→ WHAT IS BEING ASKED
Among the entries, find the lines with the string "CompositionType" and copy them.

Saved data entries
···
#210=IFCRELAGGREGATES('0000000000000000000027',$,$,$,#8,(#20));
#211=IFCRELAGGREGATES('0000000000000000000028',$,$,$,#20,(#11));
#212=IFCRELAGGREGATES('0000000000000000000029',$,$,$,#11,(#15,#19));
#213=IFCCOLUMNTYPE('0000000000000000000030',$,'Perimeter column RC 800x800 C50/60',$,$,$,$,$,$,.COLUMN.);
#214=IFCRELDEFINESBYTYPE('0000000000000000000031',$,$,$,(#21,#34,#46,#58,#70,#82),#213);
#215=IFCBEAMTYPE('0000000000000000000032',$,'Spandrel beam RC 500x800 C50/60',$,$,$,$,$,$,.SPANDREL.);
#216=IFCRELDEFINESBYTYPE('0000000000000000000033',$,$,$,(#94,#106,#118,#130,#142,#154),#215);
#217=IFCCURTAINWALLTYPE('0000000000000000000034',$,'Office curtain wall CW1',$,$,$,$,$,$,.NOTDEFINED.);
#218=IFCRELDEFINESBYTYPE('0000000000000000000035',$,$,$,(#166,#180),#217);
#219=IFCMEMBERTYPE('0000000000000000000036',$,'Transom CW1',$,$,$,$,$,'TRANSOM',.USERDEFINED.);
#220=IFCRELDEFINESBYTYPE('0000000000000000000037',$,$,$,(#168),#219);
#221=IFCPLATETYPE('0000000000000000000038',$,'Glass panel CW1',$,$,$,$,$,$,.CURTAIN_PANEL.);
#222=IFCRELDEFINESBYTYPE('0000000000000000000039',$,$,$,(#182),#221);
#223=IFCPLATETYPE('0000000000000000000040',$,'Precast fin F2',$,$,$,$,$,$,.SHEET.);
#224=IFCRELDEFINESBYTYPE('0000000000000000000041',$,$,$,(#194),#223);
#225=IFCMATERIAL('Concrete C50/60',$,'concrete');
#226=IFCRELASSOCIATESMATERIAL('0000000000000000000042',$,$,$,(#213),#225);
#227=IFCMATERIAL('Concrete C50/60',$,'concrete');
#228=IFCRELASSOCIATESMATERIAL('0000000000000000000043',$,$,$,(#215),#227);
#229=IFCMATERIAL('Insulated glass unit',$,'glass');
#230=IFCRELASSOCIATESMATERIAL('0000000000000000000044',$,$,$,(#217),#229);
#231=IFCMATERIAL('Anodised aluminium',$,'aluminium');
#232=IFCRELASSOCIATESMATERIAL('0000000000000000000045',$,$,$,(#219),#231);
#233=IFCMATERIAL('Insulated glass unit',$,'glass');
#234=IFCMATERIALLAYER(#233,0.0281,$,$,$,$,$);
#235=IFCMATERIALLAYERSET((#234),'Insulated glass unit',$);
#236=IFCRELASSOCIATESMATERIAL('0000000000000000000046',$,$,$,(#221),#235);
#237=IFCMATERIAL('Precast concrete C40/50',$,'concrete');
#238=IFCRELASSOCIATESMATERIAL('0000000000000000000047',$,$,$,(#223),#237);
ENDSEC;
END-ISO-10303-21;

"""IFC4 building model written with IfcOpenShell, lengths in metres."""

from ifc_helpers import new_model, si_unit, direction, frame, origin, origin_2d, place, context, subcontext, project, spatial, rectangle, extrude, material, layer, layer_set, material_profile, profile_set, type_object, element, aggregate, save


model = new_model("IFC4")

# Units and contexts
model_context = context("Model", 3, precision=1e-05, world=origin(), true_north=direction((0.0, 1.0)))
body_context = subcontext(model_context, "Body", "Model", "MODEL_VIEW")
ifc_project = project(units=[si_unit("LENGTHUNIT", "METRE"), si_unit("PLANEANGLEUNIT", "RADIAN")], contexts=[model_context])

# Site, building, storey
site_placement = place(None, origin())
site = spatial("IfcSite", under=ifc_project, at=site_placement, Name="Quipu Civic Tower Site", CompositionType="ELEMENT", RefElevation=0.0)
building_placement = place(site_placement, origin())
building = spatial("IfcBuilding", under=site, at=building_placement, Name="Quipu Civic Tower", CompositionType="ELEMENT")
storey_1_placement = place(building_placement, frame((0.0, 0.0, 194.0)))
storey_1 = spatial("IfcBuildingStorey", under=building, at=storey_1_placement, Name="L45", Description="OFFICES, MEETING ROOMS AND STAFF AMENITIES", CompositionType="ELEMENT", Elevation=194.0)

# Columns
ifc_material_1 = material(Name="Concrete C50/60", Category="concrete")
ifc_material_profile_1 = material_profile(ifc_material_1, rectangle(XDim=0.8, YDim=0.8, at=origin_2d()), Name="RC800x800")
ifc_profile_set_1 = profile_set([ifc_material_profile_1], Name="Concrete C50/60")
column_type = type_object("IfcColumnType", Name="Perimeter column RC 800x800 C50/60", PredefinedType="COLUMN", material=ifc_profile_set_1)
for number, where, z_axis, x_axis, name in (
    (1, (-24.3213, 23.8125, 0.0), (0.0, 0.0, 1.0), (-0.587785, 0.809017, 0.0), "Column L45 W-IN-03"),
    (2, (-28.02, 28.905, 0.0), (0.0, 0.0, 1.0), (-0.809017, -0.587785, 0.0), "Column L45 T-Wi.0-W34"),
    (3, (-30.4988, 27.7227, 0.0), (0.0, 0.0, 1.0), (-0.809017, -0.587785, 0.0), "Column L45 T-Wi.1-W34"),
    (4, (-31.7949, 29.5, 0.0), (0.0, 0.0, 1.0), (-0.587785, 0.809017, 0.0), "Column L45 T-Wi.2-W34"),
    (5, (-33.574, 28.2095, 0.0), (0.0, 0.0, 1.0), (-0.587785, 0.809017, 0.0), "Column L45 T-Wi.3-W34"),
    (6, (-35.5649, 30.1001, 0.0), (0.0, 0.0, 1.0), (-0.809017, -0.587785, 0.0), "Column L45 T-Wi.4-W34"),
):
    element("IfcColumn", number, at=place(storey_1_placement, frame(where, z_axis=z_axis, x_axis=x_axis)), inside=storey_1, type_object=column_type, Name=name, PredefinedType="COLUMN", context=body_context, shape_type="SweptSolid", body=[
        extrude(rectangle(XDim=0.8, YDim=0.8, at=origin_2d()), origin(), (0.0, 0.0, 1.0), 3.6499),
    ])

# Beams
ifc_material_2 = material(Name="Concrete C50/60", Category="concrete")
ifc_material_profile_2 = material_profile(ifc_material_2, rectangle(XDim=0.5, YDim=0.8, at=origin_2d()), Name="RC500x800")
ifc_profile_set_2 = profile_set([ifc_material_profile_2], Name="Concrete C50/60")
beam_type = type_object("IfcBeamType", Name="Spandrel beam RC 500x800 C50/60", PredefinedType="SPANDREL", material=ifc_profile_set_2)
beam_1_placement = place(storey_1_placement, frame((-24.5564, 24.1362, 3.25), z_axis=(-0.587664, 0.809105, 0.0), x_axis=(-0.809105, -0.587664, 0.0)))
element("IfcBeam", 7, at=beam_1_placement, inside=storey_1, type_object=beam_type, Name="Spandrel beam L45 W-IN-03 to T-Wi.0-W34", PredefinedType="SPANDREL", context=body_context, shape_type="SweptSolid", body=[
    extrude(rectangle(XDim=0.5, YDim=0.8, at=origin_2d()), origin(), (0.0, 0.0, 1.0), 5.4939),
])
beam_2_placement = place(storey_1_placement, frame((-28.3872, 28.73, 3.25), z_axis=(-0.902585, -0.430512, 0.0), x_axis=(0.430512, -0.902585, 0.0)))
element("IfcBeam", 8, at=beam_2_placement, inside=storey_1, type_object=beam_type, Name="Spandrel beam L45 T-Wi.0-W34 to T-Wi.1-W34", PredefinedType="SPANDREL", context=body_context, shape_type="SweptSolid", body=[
···
→ YOUR SOLUTION
site = spatial("IfcSite", under=ifc_project, at=site_placement, Name="Quipu Civic Tower Site", CompositionType="ELEMENT", RefElevation=0.0)
building = spatial("IfcBuilding", under=site, at=building_placement, Name="Quipu Civic Tower", CompositionType="ELEMENT")
storey_1 = spatial("IfcBuildingStorey", under=building, at=storey_1_placement, Name="L45", Description="OFFICES, MEETING ROOMS AND STAFF AMENITIES", CompositionType="ELEMENT", Elevation=194.0)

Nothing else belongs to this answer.